§ Problem
Give back exactly the lines that run from the beginning of the entries to the line containing "site_placement = place(None, origin())", both included, and nothing else.

Data excerpts:
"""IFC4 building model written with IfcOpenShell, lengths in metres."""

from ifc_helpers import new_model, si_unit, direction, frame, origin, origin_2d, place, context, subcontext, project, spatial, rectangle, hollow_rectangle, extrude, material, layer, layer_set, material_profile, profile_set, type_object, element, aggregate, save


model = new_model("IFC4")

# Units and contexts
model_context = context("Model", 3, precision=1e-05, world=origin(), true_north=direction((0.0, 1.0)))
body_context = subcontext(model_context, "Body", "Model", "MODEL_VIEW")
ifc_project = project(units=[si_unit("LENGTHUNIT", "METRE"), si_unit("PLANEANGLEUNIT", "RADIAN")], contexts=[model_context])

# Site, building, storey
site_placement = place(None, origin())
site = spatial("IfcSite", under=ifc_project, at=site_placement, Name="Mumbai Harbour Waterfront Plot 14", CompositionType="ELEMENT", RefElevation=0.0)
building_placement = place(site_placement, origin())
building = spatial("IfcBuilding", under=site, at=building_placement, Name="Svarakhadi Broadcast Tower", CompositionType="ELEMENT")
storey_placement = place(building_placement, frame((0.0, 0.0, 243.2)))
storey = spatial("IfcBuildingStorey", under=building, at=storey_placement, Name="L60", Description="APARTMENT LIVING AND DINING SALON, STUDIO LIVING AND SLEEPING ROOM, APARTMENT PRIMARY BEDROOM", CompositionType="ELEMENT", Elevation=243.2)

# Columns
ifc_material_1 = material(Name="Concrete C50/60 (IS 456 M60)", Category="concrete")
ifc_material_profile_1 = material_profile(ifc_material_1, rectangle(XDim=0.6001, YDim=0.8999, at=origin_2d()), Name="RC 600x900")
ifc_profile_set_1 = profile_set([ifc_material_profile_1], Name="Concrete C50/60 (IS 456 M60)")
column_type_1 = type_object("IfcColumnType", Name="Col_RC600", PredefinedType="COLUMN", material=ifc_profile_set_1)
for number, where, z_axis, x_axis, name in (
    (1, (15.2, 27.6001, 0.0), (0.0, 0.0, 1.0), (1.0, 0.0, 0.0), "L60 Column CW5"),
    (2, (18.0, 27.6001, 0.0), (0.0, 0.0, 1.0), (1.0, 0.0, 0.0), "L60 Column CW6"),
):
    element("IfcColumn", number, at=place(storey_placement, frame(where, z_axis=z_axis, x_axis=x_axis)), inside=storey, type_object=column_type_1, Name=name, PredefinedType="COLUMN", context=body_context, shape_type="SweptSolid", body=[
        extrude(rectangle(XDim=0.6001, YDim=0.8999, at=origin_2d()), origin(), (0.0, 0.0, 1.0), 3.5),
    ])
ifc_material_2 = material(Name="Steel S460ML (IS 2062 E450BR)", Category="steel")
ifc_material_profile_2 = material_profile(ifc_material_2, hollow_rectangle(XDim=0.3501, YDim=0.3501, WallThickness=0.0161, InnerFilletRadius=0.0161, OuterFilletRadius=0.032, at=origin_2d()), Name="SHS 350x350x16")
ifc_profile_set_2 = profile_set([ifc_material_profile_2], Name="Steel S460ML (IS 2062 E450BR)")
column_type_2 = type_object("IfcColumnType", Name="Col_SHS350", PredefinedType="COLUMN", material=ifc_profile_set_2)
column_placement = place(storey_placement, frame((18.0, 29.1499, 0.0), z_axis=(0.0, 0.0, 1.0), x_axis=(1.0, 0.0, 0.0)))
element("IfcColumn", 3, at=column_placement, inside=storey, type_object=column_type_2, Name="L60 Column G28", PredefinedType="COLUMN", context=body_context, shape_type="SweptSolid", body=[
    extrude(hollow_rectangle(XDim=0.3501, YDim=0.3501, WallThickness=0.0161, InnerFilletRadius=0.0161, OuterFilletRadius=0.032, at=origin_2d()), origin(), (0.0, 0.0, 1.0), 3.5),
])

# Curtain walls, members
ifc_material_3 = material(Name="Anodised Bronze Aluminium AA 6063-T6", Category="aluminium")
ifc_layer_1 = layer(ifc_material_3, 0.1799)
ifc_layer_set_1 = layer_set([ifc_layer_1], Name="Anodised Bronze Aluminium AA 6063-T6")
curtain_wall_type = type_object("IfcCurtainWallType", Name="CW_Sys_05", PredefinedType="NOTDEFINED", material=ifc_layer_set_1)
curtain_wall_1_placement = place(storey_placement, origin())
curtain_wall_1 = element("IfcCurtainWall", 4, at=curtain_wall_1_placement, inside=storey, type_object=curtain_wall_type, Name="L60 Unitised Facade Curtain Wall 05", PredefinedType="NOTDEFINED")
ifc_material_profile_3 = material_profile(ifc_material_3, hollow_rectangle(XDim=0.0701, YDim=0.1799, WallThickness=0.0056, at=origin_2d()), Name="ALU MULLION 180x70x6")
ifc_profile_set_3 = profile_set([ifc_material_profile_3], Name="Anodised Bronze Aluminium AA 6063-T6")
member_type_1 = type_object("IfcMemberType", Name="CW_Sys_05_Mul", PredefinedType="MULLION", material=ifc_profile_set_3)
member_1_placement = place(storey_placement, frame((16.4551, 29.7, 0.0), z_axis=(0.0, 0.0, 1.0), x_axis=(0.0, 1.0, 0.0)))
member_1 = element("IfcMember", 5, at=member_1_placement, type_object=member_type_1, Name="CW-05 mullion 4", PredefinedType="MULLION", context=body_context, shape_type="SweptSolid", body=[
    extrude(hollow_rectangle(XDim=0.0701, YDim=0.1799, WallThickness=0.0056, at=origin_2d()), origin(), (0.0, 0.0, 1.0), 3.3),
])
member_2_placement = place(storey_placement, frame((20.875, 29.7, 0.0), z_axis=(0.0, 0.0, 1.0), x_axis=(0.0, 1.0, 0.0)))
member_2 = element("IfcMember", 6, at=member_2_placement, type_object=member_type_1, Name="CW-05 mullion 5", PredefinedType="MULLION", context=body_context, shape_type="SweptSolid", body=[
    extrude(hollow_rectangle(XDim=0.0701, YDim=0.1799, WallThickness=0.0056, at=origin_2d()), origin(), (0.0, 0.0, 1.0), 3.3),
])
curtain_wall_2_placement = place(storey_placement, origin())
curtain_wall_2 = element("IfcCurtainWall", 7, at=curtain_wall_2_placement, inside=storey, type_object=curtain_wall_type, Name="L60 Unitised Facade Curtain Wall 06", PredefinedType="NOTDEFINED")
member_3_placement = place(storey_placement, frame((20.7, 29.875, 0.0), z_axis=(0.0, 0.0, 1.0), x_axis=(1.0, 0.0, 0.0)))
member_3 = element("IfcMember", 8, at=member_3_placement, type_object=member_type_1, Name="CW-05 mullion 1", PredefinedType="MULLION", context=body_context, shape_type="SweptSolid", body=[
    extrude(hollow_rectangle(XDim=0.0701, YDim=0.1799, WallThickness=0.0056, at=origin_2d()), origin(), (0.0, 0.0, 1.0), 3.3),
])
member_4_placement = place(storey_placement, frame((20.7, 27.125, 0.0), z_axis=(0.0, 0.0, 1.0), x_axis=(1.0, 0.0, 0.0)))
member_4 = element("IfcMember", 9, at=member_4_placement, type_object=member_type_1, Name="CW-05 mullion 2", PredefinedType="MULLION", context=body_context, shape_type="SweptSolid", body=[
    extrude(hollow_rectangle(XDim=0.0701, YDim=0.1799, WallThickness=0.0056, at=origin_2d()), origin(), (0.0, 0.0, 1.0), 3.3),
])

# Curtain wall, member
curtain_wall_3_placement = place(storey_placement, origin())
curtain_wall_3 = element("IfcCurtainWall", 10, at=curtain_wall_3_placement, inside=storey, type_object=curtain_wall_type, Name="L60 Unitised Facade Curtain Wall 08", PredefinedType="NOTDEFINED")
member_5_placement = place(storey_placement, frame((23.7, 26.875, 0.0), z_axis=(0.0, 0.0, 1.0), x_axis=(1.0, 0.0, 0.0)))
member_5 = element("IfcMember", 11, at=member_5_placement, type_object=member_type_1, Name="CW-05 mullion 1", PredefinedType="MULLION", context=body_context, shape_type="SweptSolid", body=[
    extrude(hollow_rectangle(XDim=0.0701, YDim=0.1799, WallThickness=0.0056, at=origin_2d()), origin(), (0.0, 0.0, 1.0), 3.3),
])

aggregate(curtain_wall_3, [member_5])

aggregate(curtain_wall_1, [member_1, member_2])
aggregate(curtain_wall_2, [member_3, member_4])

§ Response for this exercise
"""IFC4 building model written with IfcOpenShell, lengths in metres."""

from ifc_helpers import new_model, si_unit, direction, frame, origin, origin_2d, place, context, subcontext, project, spatial, rectangle, hollow_rectangle, extrude, material, layer, layer_set, material_profile, profile_set, type_object, element, aggregate, save


model = new_model("IFC4")

# Units and contexts
model_context = context("Model", 3, precision=1e-05, world=origin(), true_north=direction((0.0, 1.0)))
body_context = subcontext(model_context, "Body", "Model", "MODEL_VIEW")
ifc_project = project(units=[si_unit("LENGTHUNIT", "METRE"), si_unit("PLANEANGLEUNIT", "RADIAN")], contexts=[model_context])

# Site, building, storey
site_placement = place(None, origin())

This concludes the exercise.